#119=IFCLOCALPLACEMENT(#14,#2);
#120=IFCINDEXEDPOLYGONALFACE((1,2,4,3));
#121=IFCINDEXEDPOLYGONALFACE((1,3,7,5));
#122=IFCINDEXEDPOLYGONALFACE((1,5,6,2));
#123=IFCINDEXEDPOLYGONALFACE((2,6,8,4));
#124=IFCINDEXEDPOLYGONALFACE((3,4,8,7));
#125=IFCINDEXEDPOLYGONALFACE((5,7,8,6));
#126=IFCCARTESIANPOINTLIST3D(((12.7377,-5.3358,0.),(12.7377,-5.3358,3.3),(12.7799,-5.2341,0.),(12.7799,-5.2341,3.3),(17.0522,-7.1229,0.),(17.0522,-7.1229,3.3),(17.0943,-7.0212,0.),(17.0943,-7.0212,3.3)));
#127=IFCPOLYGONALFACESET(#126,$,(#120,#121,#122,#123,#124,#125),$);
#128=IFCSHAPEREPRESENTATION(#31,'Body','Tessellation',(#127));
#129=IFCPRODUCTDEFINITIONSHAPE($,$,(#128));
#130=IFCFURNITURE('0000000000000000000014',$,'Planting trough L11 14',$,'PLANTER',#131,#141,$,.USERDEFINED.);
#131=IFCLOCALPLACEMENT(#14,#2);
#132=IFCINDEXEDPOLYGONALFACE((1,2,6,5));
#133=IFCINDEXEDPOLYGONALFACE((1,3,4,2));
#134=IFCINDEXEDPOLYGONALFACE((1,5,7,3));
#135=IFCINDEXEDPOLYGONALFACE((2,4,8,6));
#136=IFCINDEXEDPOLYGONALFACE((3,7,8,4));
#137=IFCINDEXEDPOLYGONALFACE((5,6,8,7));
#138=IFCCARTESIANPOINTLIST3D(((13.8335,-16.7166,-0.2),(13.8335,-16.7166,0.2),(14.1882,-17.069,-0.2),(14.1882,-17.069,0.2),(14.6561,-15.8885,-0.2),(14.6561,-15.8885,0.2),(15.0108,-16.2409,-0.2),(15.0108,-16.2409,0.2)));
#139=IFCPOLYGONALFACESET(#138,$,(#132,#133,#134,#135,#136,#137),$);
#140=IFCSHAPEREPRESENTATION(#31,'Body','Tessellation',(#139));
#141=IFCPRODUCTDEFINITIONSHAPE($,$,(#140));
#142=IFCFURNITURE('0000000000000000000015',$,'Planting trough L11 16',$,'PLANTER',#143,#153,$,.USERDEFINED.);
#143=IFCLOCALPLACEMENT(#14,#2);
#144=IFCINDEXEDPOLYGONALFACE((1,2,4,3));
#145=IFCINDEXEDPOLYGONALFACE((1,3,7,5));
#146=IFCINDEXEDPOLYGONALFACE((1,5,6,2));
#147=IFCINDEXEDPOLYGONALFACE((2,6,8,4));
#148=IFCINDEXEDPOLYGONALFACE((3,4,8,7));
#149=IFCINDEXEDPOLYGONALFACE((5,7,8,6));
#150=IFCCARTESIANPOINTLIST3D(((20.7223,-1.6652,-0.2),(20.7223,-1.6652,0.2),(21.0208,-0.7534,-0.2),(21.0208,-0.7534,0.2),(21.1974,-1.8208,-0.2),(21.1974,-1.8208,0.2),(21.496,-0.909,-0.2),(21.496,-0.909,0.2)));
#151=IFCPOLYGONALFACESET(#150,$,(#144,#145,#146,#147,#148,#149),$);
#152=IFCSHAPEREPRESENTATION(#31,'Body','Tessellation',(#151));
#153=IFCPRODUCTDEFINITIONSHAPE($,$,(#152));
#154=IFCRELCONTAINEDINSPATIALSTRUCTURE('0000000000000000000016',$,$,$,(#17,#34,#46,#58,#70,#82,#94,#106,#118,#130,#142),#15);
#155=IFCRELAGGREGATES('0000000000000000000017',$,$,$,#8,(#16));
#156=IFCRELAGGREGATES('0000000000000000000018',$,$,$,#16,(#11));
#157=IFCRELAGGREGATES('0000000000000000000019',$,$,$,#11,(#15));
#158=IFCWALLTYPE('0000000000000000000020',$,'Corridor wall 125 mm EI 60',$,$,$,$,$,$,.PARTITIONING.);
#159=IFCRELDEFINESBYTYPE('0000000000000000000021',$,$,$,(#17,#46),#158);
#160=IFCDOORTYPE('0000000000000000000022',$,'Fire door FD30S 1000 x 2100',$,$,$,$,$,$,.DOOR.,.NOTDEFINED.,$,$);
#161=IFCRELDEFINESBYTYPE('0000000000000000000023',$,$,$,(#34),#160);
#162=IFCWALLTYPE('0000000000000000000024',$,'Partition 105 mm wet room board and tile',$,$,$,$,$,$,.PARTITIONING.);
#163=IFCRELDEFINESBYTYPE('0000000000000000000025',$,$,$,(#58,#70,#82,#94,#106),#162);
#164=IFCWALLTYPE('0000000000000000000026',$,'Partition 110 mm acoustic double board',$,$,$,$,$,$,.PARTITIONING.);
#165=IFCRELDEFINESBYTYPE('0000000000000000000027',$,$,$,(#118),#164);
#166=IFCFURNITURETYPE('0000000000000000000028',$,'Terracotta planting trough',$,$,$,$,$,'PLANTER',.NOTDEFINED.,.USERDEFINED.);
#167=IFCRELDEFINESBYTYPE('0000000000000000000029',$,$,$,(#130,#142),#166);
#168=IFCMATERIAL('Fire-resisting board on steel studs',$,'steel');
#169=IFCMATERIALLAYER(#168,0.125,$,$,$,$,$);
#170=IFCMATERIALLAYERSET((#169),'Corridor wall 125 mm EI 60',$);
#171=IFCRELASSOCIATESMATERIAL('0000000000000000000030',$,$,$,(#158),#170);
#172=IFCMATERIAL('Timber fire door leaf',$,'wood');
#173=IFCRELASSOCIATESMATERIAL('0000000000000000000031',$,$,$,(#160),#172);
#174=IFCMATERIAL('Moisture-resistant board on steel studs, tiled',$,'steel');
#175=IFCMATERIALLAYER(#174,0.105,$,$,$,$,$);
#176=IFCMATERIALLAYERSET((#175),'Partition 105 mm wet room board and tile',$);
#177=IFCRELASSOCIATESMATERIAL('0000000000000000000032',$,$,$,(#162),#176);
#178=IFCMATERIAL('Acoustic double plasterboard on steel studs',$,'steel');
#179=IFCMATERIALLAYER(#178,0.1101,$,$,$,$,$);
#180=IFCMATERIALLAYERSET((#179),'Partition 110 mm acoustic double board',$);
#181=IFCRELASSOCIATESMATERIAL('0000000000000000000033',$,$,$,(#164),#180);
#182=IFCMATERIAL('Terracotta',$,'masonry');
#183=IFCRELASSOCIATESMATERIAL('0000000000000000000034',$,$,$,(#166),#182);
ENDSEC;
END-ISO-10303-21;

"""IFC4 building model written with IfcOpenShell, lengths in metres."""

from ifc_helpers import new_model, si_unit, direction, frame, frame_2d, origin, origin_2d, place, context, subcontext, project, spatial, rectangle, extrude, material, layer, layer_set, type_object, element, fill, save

::::::::::

◆ YOUR TASK
All that is wanted is the stretch of lines above from the one containing "#169=IFCMATERIALLAYER(#168,0.125,$,$,$,$,$);" through the one containing "#175=IFCMATERIALLAYER(#174,0.105,$,$,$,$,$);", duplicated exactly.

◆ SOLUTION TO THIS TASK
#169=IFCMATERIALLAYER(#168,0.125,$,$,$,$,$);
#170=IFCMATERIALLAYERSET((#169),'Corridor wall 125 mm EI 60',$);
#171=IFCRELASSOCIATESMATERIAL('0000000000000000000030',$,$,$,(#158),#170);
#172=IFCMATERIAL('Timber fire door leaf',$,'wood');
#173=IFCRELASSOCIATESMATERIAL('0000000000000000000031',$,$,$,(#160),#172);
#174=IFCMATERIAL('Moisture-resistant board on steel studs, tiled',$,'steel');
#175=IFCMATERIALLAYER(#174,0.105,$,$,$,$,$);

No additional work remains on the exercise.